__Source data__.
========================

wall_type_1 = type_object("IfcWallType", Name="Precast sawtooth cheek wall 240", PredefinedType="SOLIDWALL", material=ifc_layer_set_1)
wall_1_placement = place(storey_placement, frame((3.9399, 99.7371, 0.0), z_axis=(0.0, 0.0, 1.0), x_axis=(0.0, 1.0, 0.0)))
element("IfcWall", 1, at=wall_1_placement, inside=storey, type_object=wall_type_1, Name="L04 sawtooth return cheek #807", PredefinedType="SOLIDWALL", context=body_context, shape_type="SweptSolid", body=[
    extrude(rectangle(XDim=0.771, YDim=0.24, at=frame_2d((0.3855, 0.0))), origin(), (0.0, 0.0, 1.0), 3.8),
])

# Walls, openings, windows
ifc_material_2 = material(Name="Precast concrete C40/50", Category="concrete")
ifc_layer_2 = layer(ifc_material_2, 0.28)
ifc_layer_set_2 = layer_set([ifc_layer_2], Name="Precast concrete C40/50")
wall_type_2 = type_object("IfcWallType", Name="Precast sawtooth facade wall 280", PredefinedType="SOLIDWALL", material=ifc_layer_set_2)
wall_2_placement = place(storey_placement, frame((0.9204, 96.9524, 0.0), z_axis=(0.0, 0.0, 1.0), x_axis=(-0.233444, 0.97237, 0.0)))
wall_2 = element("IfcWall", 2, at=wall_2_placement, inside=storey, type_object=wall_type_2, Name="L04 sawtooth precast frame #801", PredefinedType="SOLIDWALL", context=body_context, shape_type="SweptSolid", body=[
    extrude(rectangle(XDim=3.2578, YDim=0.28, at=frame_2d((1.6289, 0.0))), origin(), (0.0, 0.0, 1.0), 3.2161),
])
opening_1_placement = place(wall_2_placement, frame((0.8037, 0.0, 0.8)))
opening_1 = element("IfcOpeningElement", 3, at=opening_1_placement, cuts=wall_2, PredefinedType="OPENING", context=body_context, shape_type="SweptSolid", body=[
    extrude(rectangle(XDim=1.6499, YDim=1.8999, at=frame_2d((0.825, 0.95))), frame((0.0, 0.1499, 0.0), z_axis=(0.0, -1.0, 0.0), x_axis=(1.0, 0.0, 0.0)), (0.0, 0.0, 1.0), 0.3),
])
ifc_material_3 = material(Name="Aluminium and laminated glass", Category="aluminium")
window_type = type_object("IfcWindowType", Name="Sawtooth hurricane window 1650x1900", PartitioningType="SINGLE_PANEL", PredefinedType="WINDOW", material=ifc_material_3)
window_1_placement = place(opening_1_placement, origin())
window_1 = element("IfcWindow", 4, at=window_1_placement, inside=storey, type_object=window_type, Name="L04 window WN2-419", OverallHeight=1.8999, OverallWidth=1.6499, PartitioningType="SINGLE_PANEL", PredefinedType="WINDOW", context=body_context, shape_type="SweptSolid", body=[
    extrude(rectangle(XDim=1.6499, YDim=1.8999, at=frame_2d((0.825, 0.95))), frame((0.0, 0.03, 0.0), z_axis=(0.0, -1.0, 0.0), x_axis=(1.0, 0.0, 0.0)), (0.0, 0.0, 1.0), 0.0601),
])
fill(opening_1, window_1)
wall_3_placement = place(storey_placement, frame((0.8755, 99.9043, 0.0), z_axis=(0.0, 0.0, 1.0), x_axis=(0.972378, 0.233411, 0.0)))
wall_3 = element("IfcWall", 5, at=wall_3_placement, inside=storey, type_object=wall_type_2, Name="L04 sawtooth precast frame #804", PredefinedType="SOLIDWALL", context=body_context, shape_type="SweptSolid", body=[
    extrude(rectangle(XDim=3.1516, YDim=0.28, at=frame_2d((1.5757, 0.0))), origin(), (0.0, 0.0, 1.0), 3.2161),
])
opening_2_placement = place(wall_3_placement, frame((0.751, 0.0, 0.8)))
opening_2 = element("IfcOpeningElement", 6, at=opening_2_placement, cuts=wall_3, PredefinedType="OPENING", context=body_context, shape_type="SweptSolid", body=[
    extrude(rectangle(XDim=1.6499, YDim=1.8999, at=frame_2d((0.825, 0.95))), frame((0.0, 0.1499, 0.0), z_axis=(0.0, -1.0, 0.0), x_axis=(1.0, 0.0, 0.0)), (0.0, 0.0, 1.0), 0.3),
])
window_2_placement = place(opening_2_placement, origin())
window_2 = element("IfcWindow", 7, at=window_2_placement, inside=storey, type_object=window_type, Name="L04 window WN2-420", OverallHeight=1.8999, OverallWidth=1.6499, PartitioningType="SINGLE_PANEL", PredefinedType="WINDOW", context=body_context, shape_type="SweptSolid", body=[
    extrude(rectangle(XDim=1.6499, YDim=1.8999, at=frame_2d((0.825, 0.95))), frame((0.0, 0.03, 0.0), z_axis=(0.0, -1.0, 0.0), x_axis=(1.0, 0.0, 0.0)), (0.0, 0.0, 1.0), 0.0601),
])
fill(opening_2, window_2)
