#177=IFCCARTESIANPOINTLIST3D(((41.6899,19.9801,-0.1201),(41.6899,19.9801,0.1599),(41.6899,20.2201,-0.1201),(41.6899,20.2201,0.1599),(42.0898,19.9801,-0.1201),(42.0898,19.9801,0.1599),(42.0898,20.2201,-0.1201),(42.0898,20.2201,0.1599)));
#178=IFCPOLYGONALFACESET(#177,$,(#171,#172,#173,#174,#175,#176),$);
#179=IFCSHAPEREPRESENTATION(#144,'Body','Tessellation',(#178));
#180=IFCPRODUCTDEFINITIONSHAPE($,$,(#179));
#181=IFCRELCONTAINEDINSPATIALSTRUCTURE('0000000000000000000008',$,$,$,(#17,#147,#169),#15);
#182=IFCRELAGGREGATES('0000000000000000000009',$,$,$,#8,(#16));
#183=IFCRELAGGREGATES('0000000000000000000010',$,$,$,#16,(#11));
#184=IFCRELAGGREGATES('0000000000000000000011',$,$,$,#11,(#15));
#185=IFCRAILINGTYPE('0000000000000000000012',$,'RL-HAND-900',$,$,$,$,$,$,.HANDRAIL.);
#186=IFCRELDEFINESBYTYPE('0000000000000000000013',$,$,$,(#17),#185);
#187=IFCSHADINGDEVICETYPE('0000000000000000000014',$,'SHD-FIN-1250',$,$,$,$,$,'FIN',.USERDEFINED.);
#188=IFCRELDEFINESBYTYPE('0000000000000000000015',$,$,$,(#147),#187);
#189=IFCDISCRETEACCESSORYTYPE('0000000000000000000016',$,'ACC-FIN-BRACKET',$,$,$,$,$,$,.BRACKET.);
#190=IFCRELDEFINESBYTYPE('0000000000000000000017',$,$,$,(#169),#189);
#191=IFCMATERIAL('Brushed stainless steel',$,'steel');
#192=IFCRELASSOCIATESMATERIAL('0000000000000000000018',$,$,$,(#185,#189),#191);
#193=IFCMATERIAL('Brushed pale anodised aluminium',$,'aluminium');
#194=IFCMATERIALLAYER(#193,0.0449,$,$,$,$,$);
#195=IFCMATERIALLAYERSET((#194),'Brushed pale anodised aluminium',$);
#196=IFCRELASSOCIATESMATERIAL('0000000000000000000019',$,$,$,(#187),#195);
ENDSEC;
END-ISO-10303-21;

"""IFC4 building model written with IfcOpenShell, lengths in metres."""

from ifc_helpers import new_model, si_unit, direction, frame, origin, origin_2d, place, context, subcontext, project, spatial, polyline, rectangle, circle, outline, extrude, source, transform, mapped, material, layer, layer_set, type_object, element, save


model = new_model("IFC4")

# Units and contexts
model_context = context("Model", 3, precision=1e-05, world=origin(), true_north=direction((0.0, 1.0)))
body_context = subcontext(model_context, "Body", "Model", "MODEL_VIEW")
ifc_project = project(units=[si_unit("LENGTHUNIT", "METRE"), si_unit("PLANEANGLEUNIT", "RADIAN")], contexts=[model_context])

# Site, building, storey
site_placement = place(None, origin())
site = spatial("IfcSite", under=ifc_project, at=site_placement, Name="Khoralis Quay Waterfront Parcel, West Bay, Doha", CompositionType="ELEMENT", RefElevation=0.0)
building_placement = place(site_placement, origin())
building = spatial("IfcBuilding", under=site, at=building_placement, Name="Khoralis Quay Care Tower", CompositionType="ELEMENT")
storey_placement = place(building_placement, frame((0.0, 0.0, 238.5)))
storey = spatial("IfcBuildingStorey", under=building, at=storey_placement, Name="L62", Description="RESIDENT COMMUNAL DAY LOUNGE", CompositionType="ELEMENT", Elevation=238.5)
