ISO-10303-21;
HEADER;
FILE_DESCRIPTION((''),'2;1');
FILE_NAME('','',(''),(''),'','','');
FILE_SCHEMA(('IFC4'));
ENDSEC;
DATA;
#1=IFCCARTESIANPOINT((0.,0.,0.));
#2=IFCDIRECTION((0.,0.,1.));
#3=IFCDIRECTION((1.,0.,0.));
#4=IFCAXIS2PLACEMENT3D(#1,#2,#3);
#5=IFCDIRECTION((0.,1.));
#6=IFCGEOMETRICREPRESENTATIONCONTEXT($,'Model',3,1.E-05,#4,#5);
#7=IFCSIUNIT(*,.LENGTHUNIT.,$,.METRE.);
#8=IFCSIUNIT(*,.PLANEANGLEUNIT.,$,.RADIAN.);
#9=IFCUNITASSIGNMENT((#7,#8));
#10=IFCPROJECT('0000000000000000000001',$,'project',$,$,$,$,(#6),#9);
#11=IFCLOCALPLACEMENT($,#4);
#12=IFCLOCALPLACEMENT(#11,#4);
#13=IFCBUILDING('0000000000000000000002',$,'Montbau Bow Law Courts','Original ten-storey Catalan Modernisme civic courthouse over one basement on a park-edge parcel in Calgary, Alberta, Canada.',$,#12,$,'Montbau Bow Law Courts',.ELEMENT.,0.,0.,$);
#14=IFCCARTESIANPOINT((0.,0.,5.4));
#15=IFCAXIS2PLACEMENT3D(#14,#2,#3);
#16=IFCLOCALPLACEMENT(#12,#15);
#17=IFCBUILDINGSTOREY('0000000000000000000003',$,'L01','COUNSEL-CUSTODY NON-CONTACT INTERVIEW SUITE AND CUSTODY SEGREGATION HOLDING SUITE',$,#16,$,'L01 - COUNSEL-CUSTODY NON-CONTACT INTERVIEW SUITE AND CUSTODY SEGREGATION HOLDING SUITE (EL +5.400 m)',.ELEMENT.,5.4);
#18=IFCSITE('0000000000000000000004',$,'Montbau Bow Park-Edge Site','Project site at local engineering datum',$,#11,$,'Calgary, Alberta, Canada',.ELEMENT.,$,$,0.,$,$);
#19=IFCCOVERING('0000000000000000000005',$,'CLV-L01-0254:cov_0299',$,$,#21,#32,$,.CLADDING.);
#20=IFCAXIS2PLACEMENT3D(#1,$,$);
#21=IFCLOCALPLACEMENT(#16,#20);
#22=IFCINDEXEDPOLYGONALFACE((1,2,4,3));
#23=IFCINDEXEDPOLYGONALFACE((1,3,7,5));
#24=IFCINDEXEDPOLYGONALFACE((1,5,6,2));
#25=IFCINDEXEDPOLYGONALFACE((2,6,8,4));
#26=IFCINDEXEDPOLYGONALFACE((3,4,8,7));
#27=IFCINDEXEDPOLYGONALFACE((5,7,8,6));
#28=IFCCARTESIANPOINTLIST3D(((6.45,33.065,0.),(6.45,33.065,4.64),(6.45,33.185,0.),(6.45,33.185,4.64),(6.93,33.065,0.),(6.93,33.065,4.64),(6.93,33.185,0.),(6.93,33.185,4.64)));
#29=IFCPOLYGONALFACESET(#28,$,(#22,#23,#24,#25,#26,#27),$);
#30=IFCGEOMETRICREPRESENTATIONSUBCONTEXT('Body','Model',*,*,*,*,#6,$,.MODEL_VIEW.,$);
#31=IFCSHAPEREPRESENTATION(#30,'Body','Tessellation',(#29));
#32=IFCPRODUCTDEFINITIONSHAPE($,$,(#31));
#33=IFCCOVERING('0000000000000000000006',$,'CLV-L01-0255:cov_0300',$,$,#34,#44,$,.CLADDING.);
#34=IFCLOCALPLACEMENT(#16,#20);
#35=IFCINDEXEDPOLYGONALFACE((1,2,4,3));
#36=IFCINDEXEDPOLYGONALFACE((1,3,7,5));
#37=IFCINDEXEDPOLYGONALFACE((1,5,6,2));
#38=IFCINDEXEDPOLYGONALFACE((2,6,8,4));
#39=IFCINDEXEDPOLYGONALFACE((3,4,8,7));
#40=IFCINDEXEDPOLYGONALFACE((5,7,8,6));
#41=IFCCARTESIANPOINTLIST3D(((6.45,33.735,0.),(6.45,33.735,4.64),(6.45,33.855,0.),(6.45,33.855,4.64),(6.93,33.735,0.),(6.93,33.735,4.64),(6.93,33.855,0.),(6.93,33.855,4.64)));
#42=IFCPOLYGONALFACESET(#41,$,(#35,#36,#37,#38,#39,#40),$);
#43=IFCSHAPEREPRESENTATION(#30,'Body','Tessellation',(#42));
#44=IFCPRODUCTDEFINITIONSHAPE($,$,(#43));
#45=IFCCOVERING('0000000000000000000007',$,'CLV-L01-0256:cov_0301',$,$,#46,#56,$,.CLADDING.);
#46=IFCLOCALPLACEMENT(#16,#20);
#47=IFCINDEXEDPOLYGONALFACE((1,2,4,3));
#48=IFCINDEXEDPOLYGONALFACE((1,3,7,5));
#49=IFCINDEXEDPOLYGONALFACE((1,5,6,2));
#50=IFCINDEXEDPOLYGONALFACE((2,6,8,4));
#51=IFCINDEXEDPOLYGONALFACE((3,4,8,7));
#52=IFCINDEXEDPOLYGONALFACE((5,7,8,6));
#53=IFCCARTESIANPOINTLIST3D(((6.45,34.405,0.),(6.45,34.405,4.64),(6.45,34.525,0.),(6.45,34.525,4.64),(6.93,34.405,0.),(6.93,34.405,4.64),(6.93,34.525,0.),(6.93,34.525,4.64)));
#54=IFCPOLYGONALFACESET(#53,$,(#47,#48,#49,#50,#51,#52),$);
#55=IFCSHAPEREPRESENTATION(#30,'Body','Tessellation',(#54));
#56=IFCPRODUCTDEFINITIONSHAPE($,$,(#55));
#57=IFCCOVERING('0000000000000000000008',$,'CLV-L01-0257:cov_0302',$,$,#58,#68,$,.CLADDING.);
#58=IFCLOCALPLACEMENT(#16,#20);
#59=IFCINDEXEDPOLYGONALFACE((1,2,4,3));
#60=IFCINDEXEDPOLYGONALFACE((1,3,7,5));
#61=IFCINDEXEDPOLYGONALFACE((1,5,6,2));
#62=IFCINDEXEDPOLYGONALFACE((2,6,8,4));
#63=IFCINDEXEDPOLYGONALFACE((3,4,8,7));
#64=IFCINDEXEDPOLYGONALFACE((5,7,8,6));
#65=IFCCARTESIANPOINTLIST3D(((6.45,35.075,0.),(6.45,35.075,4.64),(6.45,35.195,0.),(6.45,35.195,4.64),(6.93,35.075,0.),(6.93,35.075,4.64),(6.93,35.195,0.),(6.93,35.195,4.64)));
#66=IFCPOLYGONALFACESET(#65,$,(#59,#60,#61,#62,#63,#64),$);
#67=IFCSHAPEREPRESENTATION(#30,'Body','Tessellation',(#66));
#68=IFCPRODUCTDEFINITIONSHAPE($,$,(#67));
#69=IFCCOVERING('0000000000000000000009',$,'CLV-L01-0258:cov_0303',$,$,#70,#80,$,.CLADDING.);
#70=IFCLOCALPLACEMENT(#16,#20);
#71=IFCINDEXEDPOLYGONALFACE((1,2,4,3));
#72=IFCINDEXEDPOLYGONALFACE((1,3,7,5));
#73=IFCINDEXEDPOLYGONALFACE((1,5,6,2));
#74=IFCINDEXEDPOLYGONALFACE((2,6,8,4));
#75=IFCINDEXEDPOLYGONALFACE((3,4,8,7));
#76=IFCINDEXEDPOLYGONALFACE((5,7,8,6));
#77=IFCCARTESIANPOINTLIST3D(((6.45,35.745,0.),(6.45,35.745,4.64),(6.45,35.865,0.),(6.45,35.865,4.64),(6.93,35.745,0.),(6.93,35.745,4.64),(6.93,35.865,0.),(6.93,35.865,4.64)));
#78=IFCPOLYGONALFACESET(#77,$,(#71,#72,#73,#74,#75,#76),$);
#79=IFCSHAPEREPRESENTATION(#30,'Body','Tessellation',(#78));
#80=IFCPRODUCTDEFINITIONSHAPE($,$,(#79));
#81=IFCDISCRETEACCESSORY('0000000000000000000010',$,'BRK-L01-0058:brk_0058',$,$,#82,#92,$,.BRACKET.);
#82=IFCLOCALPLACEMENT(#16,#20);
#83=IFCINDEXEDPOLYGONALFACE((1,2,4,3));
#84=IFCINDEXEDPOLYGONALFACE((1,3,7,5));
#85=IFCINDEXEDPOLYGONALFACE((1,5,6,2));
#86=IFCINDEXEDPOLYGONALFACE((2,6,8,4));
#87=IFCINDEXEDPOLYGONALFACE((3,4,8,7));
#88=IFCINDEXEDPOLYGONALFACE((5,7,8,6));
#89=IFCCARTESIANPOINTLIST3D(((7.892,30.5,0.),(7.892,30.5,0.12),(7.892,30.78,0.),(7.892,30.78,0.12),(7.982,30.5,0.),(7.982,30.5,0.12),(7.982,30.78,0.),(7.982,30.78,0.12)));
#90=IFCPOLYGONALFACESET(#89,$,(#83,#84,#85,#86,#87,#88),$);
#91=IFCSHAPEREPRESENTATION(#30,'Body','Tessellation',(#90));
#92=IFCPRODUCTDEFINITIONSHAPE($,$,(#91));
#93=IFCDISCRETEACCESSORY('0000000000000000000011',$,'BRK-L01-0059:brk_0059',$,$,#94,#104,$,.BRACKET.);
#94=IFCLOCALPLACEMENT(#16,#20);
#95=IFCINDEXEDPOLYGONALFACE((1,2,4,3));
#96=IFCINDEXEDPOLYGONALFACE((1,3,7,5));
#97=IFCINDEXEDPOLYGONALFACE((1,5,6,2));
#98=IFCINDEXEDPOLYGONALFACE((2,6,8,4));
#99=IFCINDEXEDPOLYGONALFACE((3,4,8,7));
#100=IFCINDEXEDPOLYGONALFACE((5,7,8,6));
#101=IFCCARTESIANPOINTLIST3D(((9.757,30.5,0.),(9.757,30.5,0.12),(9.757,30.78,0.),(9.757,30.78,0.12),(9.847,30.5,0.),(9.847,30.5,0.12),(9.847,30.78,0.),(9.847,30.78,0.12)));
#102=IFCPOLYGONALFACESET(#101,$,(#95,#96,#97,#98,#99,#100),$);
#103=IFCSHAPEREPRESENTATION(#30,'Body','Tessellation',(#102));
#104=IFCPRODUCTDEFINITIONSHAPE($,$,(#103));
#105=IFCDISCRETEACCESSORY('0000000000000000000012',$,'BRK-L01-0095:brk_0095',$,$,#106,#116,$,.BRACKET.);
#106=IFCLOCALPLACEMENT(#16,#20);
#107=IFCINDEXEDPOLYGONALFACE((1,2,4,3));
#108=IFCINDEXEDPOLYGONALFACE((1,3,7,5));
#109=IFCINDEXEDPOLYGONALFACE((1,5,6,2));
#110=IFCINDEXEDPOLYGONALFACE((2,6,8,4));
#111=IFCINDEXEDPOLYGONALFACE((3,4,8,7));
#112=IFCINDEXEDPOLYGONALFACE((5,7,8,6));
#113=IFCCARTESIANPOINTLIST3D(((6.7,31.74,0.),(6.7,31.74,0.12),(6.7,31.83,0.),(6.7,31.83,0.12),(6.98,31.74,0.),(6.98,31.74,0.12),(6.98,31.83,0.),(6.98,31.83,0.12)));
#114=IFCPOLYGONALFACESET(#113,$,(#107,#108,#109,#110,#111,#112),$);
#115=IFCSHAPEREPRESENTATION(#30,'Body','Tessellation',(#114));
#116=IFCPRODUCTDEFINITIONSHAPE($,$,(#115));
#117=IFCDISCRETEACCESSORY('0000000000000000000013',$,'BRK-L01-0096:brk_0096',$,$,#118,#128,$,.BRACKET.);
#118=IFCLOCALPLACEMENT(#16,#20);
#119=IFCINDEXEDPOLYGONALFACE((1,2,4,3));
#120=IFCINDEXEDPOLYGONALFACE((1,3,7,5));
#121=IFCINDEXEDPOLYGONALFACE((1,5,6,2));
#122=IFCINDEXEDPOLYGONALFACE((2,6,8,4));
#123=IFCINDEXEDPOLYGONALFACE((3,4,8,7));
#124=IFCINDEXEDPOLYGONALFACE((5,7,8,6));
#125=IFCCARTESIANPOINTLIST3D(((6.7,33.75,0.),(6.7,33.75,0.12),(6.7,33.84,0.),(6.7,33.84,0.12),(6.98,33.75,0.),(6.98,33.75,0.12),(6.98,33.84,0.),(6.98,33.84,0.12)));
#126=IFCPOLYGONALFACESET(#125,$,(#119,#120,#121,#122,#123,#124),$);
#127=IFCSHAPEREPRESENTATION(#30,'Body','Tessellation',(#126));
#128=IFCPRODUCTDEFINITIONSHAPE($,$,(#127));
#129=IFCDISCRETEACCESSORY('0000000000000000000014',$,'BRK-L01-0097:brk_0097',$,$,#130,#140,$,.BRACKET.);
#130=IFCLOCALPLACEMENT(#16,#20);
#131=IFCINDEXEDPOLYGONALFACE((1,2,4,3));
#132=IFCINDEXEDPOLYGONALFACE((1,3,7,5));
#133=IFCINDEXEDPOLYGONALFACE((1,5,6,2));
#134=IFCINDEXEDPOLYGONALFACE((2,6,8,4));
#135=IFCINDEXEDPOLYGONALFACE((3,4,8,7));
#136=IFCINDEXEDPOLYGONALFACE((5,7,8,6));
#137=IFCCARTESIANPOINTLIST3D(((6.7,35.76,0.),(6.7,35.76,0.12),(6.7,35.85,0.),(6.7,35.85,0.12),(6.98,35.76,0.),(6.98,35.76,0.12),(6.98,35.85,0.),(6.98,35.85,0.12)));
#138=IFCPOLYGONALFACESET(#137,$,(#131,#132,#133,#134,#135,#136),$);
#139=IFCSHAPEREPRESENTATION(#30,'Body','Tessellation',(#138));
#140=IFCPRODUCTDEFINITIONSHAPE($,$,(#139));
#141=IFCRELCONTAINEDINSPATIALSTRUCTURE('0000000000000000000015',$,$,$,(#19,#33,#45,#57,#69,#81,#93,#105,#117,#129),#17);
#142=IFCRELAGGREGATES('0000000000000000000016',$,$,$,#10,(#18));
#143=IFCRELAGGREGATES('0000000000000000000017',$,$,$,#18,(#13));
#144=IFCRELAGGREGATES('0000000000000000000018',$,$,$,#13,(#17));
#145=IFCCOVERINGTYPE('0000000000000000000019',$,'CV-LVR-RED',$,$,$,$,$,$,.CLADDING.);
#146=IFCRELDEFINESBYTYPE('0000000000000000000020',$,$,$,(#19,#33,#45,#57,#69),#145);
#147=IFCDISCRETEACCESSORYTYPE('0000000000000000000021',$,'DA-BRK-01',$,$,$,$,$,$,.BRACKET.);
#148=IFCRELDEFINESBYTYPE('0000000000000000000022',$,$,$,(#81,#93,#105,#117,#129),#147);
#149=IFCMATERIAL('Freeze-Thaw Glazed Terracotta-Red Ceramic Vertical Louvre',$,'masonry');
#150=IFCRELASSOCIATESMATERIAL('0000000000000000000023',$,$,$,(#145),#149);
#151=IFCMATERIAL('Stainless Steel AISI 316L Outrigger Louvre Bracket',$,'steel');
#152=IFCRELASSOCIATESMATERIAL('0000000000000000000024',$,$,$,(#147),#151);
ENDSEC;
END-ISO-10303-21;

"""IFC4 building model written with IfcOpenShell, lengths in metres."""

from ifc_helpers import new_model, si_unit, direction, frame, frame_2d, origin_with_axes, origin_2d_with_axis, place, context, subcontext, project, spatial, rectangle, extrude, material, type_object, element, save


model = new_model("IFC4")

# Units and contexts
model_context = context("Model", 3, precision=1e-05, world=origin_with_axes(), true_north=direction((0.0, 1.0)))
body_context = subcontext(model_context, "Body", "Model", "MODEL_VIEW")
ifc_project = project(units=[si_unit("LENGTHUNIT", "METRE"), si_unit("PLANEANGLEUNIT", "RADIAN")], contexts=[model_context])

# Site, building, storey
site_placement = place(None, origin_with_axes())
site = spatial("IfcSite", under=ifc_project, at=site_placement, Name="Montbau Bow Park-Edge Site", Description="Project site at local engineering datum", LongName="Calgary, Alberta, Canada", CompositionType="ELEMENT", RefElevation=0.0)
building_placement = place(site_placement, origin_with_axes())
building = spatial("IfcBuilding", under=site, at=building_placement, Name="Montbau Bow Law Courts", Description="Original ten-storey Catalan Modernisme civic courthouse over one basement on a park-edge parcel in Calgary, Alberta, Canada.", LongName="Montbau Bow Law Courts", CompositionType="ELEMENT", ElevationOfRefHeight=0.0, ElevationOfTerrain=0.0)
storey_placement = place(building_placement, frame((0.0, 0.0, 5.4), z_axis=(0.0, 0.0, 1.0), x_axis=(1.0, 0.0, 0.0)))
storey = spatial("IfcBuildingStorey", under=building, at=storey_placement, Name="L01", Description="COUNSEL-CUSTODY NON-CONTACT INTERVIEW SUITE AND CUSTODY SEGREGATION HOLDING SUITE", LongName="L01 - COUNSEL-CUSTODY NON-CONTACT INTERVIEW SUITE AND CUSTODY SEGREGATION HOLDING SUITE (EL +5.400 m)", CompositionType="ELEMENT", Elevation=5.4)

========================

__WHAT YOU WILL DO__.
Your answer should consist only of the lines above between the line holding "#60=IFCINDEXEDPOLYGONALFACE((1,3,7,5));" and the line holding "#72=IFCINDEXEDPOLYGONALFACE((1,3,7,5));", inclusive, each transcribed exactly.

__RESPONSE AREA__.
#60=IFCINDEXEDPOLYGONALFACE((1,3,7,5));
#61=IFCINDEXEDPOLYGONALFACE((1,5,6,2));
#62=IFCINDEXEDPOLYGONALFACE((2,6,8,4));
#63=IFCINDEXEDPOLYGONALFACE((3,4,8,7));
#64=IFCINDEXEDPOLYGONALFACE((5,7,8,6));
#65=IFCCARTESIANPOINTLIST3D(((6.45,35.075,0.),(6.45,35.075,4.64),(6.45,35.195,0.),(6.45,35.195,4.64),(6.93,35.075,0.),(6.93,35.075,4.64),(6.93,35.195,0.),(6.93,35.195,4.64)));
#66=IFCPOLYGONALFACESET(#65,$,(#59,#60,#61,#62,#63,#64),$);
#67=IFCSHAPEREPRESENTATION(#30,'Body','Tessellation',(#66));
#68=IFCPRODUCTDEFINITIONSHAPE($,$,(#67));
#69=IFCCOVERING('0000000000000000000009',$,'CLV-L01-0258:cov_0303',$,$,#70,#80,$,.CLADDING.);
#70=IFCLOCALPLACEMENT(#16,#20);
#71=IFCINDEXEDPOLYGONALFACE((1,2,4,3));
#72=IFCINDEXEDPOLYGONALFACE((1,3,7,5));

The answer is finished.